_Directions for this task_
Across the material below, say how many lines contain the string "YDim", and add no other words.

_Source information_

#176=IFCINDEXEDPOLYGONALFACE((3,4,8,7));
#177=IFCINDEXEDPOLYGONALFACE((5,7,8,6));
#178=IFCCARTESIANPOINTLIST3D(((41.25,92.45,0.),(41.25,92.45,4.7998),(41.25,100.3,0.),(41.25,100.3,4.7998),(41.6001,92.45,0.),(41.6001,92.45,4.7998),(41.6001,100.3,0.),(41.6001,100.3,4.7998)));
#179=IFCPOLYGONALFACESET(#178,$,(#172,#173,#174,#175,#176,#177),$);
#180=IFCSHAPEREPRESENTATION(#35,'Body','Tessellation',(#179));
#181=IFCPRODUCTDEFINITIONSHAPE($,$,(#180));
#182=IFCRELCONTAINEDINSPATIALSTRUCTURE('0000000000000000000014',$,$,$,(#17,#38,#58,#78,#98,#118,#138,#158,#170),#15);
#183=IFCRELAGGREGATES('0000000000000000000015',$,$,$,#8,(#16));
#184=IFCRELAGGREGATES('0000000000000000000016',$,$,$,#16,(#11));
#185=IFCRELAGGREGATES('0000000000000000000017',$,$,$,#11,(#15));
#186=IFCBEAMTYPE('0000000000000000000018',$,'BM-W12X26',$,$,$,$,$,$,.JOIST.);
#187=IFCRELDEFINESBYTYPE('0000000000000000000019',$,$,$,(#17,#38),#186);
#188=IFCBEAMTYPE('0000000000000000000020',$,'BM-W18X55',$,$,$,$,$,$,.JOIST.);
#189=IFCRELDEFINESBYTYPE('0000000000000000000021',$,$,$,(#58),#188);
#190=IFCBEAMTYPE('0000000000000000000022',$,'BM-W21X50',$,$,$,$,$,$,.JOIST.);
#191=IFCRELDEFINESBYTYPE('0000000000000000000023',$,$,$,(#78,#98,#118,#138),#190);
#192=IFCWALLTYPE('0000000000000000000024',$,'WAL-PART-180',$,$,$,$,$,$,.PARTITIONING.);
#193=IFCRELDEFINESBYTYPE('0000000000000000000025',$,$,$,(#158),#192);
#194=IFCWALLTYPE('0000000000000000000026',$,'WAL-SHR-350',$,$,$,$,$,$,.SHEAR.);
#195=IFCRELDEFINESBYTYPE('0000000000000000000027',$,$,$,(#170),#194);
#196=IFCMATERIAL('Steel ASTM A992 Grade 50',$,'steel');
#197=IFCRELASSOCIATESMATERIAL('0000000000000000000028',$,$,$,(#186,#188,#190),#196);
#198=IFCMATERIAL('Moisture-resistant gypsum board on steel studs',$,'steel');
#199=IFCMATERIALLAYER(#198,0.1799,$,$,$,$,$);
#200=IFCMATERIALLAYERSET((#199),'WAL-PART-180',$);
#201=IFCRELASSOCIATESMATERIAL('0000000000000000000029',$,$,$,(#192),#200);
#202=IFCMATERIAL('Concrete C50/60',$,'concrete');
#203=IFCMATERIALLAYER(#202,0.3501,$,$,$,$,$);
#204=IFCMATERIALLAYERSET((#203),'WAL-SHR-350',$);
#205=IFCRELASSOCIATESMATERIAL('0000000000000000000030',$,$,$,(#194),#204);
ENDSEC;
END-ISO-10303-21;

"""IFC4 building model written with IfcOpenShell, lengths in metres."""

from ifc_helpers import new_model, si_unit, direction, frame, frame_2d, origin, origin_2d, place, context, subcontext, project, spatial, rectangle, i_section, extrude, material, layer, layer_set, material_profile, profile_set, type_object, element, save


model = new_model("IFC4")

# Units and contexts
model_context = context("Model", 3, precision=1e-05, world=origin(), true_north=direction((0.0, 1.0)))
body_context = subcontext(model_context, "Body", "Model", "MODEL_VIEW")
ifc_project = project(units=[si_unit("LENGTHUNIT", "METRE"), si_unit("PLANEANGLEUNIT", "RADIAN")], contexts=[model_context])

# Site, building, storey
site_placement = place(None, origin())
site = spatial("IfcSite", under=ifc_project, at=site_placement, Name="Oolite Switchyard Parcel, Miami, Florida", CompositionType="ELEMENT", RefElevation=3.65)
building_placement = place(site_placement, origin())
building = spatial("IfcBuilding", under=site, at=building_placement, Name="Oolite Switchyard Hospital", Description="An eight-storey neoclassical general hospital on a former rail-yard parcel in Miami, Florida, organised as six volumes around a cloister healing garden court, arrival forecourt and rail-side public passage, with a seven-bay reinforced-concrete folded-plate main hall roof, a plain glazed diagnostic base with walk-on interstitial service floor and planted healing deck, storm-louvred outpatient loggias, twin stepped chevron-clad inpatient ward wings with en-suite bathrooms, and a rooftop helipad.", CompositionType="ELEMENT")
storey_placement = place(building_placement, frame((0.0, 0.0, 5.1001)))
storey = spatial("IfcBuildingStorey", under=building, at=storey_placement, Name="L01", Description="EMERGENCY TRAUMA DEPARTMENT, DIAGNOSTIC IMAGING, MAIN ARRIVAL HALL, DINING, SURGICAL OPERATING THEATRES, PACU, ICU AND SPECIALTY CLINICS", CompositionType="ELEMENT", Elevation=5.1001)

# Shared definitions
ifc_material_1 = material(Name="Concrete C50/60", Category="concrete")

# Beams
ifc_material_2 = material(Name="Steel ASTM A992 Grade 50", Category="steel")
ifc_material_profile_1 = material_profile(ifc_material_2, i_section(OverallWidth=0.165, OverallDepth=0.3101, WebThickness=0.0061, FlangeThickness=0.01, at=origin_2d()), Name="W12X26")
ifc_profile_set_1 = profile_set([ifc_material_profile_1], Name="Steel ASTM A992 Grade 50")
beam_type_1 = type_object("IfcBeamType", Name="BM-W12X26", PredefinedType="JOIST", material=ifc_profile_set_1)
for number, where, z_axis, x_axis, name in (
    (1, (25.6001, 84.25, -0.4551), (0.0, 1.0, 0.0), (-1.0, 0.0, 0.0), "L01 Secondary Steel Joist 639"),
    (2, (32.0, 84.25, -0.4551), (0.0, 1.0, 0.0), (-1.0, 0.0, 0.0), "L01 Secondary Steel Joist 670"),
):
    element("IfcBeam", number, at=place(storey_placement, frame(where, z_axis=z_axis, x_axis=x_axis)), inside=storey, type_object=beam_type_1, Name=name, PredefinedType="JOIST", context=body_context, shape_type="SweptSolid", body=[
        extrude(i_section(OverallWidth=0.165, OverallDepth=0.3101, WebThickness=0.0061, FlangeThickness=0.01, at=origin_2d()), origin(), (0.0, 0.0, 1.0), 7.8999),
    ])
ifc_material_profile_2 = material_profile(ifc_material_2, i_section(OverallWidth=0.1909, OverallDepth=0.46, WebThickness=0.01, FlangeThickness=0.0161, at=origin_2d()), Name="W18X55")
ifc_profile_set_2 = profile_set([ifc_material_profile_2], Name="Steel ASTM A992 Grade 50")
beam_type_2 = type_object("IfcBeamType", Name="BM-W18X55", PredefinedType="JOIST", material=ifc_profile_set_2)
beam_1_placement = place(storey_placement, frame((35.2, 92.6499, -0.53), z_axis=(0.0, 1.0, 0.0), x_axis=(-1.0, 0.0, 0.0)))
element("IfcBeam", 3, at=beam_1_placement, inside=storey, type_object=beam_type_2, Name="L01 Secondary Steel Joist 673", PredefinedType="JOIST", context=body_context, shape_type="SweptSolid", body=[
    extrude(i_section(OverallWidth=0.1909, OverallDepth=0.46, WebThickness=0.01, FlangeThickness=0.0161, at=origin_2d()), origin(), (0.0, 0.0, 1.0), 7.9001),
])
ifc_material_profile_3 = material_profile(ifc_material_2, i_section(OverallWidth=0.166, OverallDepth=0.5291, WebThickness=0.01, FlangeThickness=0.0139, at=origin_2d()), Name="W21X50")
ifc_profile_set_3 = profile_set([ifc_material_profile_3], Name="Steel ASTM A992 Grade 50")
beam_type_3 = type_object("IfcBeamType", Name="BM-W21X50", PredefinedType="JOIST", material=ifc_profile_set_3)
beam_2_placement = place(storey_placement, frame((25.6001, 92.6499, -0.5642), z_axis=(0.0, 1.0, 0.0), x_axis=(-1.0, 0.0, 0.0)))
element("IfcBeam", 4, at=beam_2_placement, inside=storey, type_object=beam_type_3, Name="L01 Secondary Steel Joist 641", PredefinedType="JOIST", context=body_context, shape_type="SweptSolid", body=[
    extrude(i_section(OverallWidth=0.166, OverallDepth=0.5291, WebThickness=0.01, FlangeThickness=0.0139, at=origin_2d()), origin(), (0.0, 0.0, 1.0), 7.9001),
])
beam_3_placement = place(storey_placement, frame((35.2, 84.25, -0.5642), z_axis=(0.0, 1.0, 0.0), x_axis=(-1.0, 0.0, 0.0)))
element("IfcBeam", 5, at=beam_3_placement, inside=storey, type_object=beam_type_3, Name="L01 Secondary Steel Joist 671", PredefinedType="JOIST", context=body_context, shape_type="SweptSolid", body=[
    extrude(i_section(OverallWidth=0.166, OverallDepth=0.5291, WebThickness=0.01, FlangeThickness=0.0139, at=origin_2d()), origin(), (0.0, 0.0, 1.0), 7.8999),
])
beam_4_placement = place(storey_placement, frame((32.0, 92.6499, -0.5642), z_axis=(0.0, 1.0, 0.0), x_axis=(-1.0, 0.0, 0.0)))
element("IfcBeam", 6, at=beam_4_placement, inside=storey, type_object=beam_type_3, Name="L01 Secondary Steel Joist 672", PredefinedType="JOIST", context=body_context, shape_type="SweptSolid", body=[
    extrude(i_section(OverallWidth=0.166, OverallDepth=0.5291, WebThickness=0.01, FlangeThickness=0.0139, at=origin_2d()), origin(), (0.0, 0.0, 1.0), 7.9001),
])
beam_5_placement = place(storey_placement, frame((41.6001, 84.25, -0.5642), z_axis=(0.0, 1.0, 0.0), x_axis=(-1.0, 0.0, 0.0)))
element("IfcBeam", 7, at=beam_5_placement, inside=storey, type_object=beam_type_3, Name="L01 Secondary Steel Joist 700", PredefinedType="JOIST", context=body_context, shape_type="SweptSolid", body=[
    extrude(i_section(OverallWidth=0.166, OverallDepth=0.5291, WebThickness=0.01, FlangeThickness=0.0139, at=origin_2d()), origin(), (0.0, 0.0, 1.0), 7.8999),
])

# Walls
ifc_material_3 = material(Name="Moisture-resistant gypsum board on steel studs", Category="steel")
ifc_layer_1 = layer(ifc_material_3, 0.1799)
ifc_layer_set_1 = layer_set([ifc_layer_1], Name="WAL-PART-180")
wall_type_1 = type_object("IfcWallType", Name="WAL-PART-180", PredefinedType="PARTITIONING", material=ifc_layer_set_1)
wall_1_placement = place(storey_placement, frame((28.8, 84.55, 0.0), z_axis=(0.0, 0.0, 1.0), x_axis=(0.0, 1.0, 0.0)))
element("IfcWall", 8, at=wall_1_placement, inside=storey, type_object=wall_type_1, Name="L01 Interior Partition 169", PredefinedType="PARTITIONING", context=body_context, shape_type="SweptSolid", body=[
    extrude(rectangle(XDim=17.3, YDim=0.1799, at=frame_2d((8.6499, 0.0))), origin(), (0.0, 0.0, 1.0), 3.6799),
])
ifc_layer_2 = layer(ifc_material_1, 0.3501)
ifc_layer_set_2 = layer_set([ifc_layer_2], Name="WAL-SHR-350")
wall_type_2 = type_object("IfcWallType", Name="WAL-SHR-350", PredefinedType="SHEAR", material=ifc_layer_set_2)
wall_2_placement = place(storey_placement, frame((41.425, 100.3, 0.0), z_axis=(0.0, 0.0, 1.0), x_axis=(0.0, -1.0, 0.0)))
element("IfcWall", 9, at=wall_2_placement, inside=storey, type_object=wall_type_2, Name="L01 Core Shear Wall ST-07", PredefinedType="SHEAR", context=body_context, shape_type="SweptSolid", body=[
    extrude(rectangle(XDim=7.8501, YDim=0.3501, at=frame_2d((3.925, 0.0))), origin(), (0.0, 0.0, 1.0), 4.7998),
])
==
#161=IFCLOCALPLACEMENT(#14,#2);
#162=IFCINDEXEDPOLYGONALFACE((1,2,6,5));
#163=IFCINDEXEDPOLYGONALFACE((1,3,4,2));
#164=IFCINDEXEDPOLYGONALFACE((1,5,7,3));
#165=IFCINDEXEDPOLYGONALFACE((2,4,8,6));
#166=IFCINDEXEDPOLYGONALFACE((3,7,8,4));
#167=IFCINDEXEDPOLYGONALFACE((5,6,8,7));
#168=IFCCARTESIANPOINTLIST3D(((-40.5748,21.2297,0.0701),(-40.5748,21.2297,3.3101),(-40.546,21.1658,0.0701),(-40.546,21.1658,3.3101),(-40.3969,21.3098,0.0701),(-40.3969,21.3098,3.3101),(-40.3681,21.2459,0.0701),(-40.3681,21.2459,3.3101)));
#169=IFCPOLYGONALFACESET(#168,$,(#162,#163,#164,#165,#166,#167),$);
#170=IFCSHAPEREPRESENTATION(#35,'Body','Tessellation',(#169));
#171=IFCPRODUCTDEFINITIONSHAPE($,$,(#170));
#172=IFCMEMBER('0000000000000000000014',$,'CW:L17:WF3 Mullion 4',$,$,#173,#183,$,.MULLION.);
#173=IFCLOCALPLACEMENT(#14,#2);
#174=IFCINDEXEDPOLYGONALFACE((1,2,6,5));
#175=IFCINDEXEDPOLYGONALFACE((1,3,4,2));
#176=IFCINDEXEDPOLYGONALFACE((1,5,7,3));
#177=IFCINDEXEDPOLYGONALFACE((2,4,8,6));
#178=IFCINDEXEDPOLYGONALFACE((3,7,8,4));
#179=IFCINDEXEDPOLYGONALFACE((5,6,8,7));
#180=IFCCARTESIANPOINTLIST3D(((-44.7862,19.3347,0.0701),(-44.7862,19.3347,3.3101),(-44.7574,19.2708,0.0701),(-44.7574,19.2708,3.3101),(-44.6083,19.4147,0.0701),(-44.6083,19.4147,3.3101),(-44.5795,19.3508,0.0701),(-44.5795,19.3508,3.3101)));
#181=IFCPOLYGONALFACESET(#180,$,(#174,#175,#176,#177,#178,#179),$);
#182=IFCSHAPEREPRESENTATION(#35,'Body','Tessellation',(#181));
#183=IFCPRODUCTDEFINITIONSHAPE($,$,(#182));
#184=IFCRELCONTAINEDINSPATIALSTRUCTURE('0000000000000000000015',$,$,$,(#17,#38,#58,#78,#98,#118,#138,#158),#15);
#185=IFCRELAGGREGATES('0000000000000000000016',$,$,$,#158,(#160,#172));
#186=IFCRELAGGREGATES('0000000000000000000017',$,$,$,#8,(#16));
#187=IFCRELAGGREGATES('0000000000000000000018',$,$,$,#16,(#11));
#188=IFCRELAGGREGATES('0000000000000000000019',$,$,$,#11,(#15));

_Expected answer_
2